WHAT IS EXPECTED: Copy out exactly the stretch of the listing below that begins at the line containing "#119=IFCINDEXEDPOLYGONALFACE((53,57,59,55));" and ends at the line containing "#126=IFCINDEXEDPOLYGONALFACE((66,68,72,70));", and copy nothing outside it.

-------- RAW DATA --------

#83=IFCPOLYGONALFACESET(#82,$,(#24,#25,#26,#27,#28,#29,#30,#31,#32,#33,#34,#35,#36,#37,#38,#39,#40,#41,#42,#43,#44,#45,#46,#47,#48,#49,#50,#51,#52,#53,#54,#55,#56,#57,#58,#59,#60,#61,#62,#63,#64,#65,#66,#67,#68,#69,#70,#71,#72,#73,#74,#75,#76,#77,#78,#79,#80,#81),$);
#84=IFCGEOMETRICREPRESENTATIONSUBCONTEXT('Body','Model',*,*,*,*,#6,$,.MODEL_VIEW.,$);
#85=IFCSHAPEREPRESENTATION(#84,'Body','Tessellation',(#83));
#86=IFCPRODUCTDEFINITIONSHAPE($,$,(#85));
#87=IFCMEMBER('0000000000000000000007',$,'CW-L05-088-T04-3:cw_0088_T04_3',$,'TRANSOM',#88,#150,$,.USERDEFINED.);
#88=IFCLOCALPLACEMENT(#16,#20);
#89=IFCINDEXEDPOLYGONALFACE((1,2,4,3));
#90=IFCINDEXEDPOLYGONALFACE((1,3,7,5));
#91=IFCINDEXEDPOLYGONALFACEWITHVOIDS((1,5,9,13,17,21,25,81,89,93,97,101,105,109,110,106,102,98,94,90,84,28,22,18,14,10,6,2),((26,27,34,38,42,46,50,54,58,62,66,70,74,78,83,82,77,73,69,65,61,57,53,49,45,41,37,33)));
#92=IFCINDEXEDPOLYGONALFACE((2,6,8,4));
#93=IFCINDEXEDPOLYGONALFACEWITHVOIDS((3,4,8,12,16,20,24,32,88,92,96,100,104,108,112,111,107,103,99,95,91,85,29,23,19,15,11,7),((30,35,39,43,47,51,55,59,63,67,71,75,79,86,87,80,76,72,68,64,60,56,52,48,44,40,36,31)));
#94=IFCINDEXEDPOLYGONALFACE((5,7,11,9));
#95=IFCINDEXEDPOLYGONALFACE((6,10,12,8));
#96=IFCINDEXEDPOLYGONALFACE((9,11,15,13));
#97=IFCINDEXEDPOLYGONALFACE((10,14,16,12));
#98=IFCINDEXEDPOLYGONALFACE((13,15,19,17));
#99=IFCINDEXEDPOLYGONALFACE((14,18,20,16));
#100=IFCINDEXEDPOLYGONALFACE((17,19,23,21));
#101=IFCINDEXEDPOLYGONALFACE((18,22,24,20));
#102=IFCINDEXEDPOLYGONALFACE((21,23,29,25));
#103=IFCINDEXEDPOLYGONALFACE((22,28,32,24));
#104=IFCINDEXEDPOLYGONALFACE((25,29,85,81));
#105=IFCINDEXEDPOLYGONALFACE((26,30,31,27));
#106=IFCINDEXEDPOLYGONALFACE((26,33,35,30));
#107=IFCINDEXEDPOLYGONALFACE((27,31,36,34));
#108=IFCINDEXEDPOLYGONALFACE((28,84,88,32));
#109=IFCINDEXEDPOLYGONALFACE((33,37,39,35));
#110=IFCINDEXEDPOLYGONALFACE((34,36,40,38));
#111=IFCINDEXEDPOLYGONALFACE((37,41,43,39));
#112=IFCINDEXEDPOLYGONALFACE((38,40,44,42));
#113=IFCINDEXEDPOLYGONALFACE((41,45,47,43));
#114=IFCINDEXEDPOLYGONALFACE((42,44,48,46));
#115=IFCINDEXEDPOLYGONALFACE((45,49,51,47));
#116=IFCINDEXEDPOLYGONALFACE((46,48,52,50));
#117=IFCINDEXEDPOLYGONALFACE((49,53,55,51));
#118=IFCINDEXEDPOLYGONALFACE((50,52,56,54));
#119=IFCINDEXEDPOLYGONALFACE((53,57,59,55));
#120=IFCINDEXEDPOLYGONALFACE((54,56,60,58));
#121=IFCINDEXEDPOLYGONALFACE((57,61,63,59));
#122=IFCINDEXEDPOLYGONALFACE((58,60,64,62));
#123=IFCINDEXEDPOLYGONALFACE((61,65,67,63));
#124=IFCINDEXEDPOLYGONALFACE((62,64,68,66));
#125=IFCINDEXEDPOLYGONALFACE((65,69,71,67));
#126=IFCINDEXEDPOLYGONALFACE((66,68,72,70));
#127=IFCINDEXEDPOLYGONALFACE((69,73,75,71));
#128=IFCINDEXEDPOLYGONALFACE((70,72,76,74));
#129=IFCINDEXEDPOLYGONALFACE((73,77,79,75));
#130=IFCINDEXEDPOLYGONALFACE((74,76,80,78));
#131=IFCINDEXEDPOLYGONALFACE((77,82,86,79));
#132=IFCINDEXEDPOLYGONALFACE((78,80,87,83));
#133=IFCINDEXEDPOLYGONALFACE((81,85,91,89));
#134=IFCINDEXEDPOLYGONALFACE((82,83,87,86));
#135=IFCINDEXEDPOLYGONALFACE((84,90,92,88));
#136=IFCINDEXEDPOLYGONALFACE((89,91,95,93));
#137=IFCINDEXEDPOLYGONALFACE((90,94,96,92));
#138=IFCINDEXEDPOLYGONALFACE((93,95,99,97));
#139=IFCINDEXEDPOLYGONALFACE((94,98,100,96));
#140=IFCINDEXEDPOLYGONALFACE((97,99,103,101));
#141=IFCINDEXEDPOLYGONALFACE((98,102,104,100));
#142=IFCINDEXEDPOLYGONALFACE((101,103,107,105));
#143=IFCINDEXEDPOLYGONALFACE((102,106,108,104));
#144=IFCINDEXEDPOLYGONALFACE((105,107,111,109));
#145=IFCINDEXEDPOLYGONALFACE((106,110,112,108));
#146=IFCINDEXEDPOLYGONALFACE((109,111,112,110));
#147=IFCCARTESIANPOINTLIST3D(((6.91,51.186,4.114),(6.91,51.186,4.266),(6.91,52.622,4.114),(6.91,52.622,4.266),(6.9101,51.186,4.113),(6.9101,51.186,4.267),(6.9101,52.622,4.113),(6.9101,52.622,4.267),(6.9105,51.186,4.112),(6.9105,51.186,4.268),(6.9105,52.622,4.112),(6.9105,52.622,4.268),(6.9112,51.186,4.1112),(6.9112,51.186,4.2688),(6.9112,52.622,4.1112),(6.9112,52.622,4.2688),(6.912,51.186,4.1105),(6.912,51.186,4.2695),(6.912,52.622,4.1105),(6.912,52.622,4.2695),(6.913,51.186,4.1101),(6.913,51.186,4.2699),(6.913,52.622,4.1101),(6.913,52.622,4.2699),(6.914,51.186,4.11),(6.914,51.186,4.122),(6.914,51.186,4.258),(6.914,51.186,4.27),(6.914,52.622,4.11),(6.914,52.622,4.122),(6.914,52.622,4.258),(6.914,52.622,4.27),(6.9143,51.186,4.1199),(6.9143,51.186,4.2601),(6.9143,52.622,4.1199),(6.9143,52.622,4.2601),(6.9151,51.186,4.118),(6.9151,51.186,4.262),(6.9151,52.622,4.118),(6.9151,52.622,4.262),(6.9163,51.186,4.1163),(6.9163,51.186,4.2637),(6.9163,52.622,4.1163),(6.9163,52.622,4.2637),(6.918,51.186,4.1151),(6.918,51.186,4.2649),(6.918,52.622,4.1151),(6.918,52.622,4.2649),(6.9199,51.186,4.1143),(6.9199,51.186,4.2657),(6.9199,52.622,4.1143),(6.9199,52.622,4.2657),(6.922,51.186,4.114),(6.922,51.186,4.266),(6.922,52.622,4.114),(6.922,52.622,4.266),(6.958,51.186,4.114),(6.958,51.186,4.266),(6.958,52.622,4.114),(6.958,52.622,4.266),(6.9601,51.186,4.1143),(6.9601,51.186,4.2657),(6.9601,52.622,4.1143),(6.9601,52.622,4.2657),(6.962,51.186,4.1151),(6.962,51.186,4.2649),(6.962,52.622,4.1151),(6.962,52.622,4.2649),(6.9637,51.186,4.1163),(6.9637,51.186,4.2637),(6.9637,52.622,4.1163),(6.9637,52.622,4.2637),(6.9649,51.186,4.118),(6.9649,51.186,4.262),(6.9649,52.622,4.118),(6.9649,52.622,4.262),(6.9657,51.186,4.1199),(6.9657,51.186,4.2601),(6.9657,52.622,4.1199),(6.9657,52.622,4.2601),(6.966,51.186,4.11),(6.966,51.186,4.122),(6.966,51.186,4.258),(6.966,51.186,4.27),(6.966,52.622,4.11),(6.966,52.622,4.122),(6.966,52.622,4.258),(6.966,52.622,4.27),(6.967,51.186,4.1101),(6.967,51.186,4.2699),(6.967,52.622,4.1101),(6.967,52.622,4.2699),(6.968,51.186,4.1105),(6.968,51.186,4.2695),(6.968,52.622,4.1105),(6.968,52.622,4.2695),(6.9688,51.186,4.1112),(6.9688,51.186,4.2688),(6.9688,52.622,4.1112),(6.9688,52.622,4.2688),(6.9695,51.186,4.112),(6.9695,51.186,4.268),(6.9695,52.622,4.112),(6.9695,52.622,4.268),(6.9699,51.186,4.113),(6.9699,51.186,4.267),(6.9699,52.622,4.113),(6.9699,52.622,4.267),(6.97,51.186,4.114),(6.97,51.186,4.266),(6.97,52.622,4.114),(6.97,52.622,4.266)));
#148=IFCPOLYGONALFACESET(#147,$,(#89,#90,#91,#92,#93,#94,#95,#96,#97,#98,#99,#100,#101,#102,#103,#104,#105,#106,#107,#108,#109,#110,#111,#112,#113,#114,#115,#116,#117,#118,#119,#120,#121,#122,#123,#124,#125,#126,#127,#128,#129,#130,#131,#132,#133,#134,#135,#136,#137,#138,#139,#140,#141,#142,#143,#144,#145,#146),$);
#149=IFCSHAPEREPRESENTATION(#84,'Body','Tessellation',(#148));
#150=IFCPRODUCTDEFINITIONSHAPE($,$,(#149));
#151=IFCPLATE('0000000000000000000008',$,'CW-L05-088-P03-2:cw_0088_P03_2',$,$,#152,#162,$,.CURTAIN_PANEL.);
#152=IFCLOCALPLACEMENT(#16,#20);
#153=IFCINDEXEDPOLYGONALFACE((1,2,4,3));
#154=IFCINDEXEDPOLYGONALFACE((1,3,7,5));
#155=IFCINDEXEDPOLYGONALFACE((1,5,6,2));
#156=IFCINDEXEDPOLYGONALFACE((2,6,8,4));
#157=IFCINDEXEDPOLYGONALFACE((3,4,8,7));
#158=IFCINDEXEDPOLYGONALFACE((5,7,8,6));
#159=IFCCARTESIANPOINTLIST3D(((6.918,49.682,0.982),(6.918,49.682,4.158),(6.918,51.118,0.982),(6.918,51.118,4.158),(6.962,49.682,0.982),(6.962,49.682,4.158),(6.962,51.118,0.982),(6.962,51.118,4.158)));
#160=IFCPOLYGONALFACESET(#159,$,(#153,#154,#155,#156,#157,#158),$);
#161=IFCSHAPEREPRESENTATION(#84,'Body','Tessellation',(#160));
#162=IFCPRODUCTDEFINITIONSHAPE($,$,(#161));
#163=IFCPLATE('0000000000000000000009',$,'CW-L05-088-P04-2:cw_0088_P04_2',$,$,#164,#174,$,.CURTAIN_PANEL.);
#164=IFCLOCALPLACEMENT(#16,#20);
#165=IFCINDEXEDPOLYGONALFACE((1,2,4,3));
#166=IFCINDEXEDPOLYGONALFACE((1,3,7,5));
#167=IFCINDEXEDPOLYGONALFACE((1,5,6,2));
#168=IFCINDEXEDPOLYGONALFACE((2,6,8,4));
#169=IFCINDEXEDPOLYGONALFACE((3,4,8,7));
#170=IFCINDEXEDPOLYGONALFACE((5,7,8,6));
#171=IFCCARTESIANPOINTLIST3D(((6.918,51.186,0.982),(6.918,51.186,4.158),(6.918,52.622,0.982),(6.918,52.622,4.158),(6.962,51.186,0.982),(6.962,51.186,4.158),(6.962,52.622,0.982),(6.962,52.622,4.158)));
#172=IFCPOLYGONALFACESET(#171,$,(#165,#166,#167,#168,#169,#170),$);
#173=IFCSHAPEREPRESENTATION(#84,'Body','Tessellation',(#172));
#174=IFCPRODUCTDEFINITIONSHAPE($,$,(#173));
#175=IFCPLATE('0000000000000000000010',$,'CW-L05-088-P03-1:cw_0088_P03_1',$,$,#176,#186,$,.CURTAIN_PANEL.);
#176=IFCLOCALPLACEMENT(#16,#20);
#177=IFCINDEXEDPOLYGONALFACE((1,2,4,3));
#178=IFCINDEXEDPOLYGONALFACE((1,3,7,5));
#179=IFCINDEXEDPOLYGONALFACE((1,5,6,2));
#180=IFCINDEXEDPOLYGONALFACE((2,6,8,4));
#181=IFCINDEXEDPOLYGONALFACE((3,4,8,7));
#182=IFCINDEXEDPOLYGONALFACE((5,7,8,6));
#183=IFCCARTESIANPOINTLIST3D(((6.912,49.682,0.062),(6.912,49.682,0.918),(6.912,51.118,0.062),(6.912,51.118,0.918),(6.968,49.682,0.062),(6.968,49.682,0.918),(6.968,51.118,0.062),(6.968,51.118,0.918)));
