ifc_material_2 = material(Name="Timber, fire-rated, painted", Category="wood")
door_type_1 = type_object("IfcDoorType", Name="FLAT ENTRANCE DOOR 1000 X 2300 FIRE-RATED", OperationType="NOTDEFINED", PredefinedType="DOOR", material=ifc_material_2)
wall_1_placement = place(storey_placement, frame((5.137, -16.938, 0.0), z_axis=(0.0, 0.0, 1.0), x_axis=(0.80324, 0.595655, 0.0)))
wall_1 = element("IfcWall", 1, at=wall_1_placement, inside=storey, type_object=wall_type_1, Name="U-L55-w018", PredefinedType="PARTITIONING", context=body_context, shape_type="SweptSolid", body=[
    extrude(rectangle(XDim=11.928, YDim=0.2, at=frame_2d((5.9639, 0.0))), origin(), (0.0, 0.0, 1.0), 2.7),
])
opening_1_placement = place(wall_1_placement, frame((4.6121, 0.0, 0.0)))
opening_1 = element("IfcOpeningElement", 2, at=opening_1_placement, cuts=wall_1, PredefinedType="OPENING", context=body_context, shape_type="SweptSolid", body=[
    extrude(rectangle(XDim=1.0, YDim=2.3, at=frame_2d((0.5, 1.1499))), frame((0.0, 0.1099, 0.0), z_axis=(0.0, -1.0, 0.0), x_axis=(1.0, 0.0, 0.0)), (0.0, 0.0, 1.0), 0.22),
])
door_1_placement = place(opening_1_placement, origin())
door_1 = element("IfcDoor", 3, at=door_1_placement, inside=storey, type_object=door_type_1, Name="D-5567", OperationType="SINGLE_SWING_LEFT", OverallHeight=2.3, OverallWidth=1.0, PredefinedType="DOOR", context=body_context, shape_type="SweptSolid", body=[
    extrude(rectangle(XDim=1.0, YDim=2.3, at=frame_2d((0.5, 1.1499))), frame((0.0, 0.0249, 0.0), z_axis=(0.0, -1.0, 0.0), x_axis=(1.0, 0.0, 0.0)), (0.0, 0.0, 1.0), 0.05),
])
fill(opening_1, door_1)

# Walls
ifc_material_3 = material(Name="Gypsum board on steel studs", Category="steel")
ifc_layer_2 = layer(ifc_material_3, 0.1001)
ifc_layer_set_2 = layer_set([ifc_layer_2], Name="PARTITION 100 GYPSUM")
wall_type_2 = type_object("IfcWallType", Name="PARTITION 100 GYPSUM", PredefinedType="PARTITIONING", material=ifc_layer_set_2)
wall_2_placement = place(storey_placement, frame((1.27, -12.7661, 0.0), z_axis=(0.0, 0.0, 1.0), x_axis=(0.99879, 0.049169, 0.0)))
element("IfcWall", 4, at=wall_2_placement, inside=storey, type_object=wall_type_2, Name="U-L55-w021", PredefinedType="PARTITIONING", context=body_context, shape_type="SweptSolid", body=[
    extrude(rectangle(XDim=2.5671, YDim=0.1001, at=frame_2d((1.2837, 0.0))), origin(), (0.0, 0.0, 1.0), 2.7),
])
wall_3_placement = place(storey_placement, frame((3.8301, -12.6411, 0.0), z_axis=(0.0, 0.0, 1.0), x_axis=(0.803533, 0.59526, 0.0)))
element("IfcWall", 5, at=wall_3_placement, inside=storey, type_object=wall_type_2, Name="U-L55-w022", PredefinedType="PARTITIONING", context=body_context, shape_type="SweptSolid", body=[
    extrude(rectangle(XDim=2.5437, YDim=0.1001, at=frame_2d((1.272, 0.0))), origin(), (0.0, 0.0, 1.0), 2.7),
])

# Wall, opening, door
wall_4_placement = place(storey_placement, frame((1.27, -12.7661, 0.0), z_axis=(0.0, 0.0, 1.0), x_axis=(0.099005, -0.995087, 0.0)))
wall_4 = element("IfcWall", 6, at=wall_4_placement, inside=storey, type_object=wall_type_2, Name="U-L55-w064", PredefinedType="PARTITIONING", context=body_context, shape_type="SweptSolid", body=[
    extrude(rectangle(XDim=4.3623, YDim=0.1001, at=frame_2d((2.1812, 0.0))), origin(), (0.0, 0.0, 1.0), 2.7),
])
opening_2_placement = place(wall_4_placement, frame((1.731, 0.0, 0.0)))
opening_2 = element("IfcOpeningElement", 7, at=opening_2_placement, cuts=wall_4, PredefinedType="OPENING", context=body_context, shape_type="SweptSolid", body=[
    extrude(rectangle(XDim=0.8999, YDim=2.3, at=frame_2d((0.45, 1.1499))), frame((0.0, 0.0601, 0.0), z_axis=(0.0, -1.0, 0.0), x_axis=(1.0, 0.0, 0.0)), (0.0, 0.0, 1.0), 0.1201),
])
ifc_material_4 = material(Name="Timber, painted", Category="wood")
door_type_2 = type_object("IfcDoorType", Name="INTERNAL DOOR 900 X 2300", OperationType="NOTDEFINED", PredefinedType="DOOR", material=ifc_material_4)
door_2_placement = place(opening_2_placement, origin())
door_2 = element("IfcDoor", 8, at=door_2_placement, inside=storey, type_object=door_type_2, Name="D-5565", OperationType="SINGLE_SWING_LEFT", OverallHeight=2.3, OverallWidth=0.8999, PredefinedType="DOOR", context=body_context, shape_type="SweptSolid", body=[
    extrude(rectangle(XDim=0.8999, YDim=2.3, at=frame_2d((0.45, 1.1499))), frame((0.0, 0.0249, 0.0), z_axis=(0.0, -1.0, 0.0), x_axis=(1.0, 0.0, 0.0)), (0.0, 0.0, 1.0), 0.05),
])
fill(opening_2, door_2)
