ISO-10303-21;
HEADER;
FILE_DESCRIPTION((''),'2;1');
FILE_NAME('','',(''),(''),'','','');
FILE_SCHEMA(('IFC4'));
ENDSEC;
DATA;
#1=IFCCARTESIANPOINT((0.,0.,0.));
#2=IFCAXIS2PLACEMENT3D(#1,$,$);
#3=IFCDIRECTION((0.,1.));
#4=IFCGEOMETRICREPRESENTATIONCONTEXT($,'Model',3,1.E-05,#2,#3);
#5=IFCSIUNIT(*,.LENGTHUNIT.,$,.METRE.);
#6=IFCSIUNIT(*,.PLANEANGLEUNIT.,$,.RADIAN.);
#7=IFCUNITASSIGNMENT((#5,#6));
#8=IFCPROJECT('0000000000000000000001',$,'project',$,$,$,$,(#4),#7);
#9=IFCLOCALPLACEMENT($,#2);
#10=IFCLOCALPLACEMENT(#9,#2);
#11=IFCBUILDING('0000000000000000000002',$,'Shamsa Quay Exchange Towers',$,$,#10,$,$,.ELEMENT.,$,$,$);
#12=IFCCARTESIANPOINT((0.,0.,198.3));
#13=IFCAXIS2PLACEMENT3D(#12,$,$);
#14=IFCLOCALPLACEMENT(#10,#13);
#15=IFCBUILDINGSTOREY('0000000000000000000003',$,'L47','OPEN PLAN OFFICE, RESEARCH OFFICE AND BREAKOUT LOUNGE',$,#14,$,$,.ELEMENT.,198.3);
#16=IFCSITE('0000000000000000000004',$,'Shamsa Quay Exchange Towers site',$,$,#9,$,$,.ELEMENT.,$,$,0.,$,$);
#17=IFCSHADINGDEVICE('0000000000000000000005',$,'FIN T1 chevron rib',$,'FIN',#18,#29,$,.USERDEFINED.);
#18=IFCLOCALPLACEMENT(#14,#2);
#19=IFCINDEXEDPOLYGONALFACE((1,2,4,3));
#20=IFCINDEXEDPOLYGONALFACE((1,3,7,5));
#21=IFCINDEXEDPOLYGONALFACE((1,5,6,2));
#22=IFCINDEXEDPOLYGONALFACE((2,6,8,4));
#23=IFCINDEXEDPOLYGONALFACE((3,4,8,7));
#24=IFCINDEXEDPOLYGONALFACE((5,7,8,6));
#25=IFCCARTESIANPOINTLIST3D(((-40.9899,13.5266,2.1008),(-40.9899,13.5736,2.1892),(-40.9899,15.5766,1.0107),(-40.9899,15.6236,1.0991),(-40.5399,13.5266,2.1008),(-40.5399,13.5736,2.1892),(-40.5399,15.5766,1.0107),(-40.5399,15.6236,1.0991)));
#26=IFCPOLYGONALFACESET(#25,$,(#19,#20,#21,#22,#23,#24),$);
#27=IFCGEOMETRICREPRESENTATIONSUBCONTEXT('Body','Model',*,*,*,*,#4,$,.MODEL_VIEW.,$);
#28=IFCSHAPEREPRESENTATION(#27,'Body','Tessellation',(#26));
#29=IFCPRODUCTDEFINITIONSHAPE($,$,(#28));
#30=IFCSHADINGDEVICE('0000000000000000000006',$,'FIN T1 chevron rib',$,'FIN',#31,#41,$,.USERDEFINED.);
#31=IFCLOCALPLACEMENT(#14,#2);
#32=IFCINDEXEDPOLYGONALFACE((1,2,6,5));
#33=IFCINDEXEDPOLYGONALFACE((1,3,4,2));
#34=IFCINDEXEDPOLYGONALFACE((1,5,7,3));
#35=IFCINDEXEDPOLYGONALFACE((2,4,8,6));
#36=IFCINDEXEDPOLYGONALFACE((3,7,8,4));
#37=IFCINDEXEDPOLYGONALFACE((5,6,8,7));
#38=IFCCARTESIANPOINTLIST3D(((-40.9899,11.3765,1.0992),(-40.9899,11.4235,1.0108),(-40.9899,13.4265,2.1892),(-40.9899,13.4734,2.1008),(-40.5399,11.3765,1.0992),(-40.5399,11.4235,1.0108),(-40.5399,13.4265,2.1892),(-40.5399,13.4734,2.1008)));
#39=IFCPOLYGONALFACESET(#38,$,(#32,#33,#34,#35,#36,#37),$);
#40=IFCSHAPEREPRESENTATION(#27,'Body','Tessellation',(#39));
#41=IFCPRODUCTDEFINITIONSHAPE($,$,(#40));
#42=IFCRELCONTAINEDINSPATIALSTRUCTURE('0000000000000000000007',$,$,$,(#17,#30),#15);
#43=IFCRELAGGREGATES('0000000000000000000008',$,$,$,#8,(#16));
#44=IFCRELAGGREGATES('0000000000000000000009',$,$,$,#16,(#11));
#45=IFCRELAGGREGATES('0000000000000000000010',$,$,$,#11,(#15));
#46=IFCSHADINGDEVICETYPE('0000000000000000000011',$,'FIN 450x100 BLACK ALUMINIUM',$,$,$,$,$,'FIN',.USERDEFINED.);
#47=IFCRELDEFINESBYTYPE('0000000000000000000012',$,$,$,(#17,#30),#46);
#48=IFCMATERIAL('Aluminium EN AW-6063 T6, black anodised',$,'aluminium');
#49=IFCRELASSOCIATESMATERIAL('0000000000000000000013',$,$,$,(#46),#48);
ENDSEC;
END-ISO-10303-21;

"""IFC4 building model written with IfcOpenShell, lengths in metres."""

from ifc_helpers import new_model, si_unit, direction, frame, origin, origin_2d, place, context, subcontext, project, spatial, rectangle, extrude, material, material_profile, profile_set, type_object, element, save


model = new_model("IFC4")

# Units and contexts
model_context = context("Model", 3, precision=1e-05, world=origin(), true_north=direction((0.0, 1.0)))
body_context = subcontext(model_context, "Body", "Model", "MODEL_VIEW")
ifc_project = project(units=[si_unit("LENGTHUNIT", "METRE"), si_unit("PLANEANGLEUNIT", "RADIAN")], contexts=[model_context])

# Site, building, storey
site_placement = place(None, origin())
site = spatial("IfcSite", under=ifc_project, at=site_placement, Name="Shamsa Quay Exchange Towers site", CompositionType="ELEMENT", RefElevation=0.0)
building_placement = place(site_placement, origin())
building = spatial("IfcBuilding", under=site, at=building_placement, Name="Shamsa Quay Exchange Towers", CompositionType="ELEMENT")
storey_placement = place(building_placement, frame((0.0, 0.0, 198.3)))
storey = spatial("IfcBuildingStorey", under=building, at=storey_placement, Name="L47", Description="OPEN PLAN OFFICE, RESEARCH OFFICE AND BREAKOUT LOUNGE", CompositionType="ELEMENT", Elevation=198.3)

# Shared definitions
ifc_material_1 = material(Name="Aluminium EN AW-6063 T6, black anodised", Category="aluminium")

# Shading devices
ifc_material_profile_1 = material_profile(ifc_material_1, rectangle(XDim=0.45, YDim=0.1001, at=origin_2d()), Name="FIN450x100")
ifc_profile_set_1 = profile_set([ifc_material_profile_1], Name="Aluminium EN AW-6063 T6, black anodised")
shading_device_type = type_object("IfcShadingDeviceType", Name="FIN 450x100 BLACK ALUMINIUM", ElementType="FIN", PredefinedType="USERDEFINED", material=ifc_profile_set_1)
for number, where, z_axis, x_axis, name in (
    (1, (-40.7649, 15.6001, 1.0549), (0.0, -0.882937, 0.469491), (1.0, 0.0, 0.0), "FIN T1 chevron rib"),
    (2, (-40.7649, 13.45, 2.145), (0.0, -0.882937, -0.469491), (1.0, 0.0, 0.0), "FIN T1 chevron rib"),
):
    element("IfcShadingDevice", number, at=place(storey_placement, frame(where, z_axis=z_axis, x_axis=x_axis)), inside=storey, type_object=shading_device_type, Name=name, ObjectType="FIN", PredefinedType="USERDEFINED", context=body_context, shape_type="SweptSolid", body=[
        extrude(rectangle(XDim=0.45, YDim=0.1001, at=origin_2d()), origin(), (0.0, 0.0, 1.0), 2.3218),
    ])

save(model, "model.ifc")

--------
-------- RAW DATA --------

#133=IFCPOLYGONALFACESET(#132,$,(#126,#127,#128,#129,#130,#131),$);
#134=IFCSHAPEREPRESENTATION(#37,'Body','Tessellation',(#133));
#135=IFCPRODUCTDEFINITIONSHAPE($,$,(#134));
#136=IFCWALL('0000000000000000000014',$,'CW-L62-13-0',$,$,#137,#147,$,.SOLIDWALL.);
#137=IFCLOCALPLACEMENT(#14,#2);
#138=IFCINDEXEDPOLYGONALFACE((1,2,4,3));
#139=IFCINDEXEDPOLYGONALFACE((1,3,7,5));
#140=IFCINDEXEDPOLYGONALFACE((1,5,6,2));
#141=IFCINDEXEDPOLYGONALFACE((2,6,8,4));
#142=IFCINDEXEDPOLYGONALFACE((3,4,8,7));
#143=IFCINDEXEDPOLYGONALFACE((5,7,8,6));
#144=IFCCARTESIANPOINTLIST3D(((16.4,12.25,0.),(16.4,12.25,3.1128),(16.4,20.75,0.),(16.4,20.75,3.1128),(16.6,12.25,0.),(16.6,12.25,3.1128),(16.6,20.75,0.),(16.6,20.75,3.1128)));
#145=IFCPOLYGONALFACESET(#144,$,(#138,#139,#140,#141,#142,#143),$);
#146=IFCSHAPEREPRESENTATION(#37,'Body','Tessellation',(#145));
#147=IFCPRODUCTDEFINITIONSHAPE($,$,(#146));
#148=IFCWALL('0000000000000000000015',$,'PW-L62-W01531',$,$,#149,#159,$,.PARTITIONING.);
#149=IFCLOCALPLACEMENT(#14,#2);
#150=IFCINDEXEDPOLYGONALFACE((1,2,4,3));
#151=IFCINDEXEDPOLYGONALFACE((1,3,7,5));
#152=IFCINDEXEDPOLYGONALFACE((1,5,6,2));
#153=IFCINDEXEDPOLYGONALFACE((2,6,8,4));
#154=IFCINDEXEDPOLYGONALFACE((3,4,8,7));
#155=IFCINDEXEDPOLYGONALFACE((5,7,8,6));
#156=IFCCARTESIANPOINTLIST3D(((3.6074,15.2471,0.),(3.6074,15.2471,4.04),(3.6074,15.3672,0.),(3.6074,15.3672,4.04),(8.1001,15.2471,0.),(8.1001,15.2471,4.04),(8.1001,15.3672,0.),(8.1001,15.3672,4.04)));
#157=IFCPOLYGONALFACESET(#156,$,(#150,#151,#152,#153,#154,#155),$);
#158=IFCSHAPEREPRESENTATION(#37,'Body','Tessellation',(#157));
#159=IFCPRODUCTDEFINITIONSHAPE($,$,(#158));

--------

OUTPUT BELOW:
#119=IFCINDEXEDPOLYGONALFACE((53,57,59,55));
#120=IFCINDEXEDPOLYGONALFACE((54,56,60,58));
#121=IFCINDEXEDPOLYGONALFACE((57,61,63,59));
#122=IFCINDEXEDPOLYGONALFACE((58,60,64,62));
#123=IFCINDEXEDPOLYGONALFACE((61,65,67,63));
#124=IFCINDEXEDPOLYGONALFACE((62,64,68,66));
#125=IFCINDEXEDPOLYGONALFACE((65,69,71,67));
#126=IFCINDEXEDPOLYGONALFACE((66,68,72,70));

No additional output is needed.